Once more, print the records exactly as given.

» Stored data entries
+-------+
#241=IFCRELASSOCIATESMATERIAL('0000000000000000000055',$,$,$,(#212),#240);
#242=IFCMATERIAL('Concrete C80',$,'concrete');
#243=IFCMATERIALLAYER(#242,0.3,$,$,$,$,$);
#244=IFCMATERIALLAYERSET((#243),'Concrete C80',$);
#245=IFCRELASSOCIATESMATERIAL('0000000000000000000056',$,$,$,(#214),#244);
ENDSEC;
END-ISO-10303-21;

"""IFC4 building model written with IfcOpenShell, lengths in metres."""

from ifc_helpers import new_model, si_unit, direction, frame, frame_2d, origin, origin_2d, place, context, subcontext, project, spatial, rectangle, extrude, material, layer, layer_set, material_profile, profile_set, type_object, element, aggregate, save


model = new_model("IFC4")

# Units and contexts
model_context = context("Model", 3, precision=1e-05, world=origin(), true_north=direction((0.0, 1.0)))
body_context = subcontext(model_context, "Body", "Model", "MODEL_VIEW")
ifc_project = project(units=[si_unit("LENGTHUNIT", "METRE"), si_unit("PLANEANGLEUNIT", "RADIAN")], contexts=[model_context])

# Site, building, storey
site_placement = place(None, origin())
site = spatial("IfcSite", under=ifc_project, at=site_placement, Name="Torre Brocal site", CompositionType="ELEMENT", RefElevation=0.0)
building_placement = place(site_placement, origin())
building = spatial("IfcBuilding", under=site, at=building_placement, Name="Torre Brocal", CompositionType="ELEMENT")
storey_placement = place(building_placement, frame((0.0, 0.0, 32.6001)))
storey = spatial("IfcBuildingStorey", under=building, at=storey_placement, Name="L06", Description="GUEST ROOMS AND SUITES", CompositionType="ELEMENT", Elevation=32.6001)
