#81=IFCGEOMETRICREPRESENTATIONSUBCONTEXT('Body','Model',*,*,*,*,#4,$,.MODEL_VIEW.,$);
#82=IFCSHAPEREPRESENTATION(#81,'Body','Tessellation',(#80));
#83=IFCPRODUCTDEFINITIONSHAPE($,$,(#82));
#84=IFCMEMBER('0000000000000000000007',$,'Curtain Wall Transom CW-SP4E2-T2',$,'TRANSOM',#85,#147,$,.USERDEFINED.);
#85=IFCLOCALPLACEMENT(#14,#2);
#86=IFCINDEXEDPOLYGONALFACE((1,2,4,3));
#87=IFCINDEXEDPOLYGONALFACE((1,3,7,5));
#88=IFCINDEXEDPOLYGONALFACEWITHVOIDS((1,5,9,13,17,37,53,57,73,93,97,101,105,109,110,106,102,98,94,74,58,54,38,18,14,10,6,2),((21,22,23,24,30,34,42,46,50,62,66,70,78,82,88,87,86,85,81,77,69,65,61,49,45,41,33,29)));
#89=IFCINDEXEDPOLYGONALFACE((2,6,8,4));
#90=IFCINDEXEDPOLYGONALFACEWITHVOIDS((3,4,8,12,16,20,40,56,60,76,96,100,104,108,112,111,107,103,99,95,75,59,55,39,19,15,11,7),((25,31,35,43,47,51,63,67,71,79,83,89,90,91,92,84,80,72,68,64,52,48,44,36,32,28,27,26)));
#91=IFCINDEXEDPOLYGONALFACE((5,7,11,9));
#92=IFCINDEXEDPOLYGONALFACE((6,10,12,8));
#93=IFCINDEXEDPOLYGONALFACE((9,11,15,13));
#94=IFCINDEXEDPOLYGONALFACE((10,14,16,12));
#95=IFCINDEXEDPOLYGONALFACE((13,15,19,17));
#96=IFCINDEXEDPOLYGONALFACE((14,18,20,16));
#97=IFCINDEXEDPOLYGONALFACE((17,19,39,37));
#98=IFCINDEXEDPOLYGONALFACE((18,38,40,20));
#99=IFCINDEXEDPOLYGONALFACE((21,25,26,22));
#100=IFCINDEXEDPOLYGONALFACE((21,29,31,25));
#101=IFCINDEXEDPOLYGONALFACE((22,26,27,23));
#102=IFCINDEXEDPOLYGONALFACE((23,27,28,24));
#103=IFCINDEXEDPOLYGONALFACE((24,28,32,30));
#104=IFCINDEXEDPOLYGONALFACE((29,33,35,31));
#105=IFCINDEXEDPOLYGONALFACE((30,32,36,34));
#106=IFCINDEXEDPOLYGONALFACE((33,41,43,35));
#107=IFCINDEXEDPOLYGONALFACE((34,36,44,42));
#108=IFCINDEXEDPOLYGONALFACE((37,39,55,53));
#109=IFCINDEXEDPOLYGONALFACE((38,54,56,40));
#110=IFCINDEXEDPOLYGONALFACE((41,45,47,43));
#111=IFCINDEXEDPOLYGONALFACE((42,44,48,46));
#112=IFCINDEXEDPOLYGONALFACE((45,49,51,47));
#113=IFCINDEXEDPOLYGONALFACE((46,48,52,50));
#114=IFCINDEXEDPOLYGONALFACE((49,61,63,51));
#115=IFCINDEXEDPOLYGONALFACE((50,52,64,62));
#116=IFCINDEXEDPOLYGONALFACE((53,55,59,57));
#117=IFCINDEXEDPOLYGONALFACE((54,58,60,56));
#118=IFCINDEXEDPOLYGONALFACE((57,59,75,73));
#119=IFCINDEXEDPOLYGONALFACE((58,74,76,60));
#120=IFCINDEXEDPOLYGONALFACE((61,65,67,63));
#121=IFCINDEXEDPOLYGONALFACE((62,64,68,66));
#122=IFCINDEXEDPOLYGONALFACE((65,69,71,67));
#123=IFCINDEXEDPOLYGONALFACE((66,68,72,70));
+-------+
» Exercise solution
#241=IFCRELASSOCIATESMATERIAL('0000000000000000000055',$,$,$,(#212),#240);
#242=IFCMATERIAL('Concrete C80',$,'concrete');
#243=IFCMATERIALLAYER(#242,0.3,$,$,$,$,$);
#244=IFCMATERIALLAYERSET((#243),'Concrete C80',$);
#245=IFCRELASSOCIATESMATERIAL('0000000000000000000056',$,$,$,(#214),#244);
ENDSEC;
END-ISO-10303-21;

"""IFC4 building model written with IfcOpenShell, lengths in metres."""

from ifc_helpers import new_model, si_unit, direction, frame, frame_2d, origin, origin_2d, place, context, subcontext, project, spatial, rectangle, extrude, material, layer, layer_set, material_profile, profile_set, type_object, element, aggregate, save


model = new_model("IFC4")

# Units and contexts
model_context = context("Model", 3, precision=1e-05, world=origin(), true_north=direction((0.0, 1.0)))
body_context = subcontext(model_context, "Body", "Model", "MODEL_VIEW")
ifc_project = project(units=[si_unit("LENGTHUNIT", "METRE"), si_unit("PLANEANGLEUNIT", "RADIAN")], contexts=[model_context])

# Site, building, storey
site_placement = place(None, origin())
site = spatial("IfcSite", under=ifc_project, at=site_placement, Name="Torre Brocal site", CompositionType="ELEMENT", RefElevation=0.0)
building_placement = place(site_placement, origin())
building = spatial("IfcBuilding", under=site, at=building_placement, Name="Torre Brocal", CompositionType="ELEMENT")
storey_placement = place(building_placement, frame((0.0, 0.0, 32.6001)))
storey = spatial("IfcBuildingStorey", under=building, at=storey_placement, Name="L06", Description="GUEST ROOMS AND SUITES", CompositionType="ELEMENT", Elevation=32.6001)
#81=IFCGEOMETRICREPRESENTATIONSUBCONTEXT('Body','Model',*,*,*,*,#4,$,.MODEL_VIEW.,$);
#82=IFCSHAPEREPRESENTATION(#81,'Body','Tessellation',(#80));
#83=IFCPRODUCTDEFINITIONSHAPE($,$,(#82));
#84=IFCMEMBER('0000000000000000000007',$,'Curtain Wall Transom CW-SP4E2-T2',$,'TRANSOM',#85,#147,$,.USERDEFINED.);
#85=IFCLOCALPLACEMENT(#14,#2);
#86=IFCINDEXEDPOLYGONALFACE((1,2,4,3));
#87=IFCINDEXEDPOLYGONALFACE((1,3,7,5));
#88=IFCINDEXEDPOLYGONALFACEWITHVOIDS((1,5,9,13,17,37,53,57,73,93,97,101,105,109,110,106,102,98,94,74,58,54,38,18,14,10,6,2),((21,22,23,24,30,34,42,46,50,62,66,70,78,82,88,87,86,85,81,77,69,65,61,49,45,41,33,29)));
#89=IFCINDEXEDPOLYGONALFACE((2,6,8,4));
#90=IFCINDEXEDPOLYGONALFACEWITHVOIDS((3,4,8,12,16,20,40,56,60,76,96,100,104,108,112,111,107,103,99,95,75,59,55,39,19,15,11,7),((25,31,35,43,47,51,63,67,71,79,83,89,90,91,92,84,80,72,68,64,52,48,44,36,32,28,27,26)));
#91=IFCINDEXEDPOLYGONALFACE((5,7,11,9));
#92=IFCINDEXEDPOLYGONALFACE((6,10,12,8));
#93=IFCINDEXEDPOLYGONALFACE((9,11,15,13));
#94=IFCINDEXEDPOLYGONALFACE((10,14,16,12));
#95=IFCINDEXEDPOLYGONALFACE((13,15,19,17));
#96=IFCINDEXEDPOLYGONALFACE((14,18,20,16));
#97=IFCINDEXEDPOLYGONALFACE((17,19,39,37));
#98=IFCINDEXEDPOLYGONALFACE((18,38,40,20));
#99=IFCINDEXEDPOLYGONALFACE((21,25,26,22));
#100=IFCINDEXEDPOLYGONALFACE((21,29,31,25));
#101=IFCINDEXEDPOLYGONALFACE((22,26,27,23));
#102=IFCINDEXEDPOLYGONALFACE((23,27,28,24));
#103=IFCINDEXEDPOLYGONALFACE((24,28,32,30));
#104=IFCINDEXEDPOLYGONALFACE((29,33,35,31));
#105=IFCINDEXEDPOLYGONALFACE((30,32,36,34));
#106=IFCINDEXEDPOLYGONALFACE((33,41,43,35));
#107=IFCINDEXEDPOLYGONALFACE((34,36,44,42));
#108=IFCINDEXEDPOLYGONALFACE((37,39,55,53));
#109=IFCINDEXEDPOLYGONALFACE((38,54,56,40));
#110=IFCINDEXEDPOLYGONALFACE((41,45,47,43));
#111=IFCINDEXEDPOLYGONALFACE((42,44,48,46));
#112=IFCINDEXEDPOLYGONALFACE((45,49,51,47));
#113=IFCINDEXEDPOLYGONALFACE((46,48,52,50));
#114=IFCINDEXEDPOLYGONALFACE((49,61,63,51));
#115=IFCINDEXEDPOLYGONALFACE((50,52,64,62));
#116=IFCINDEXEDPOLYGONALFACE((53,55,59,57));
#117=IFCINDEXEDPOLYGONALFACE((54,58,60,56));
#118=IFCINDEXEDPOLYGONALFACE((57,59,75,73));
#119=IFCINDEXEDPOLYGONALFACE((58,74,76,60));
#120=IFCINDEXEDPOLYGONALFACE((61,65,67,63));
#121=IFCINDEXEDPOLYGONALFACE((62,64,68,66));
#122=IFCINDEXEDPOLYGONALFACE((65,69,71,67));
#123=IFCINDEXEDPOLYGONALFACE((66,68,72,70));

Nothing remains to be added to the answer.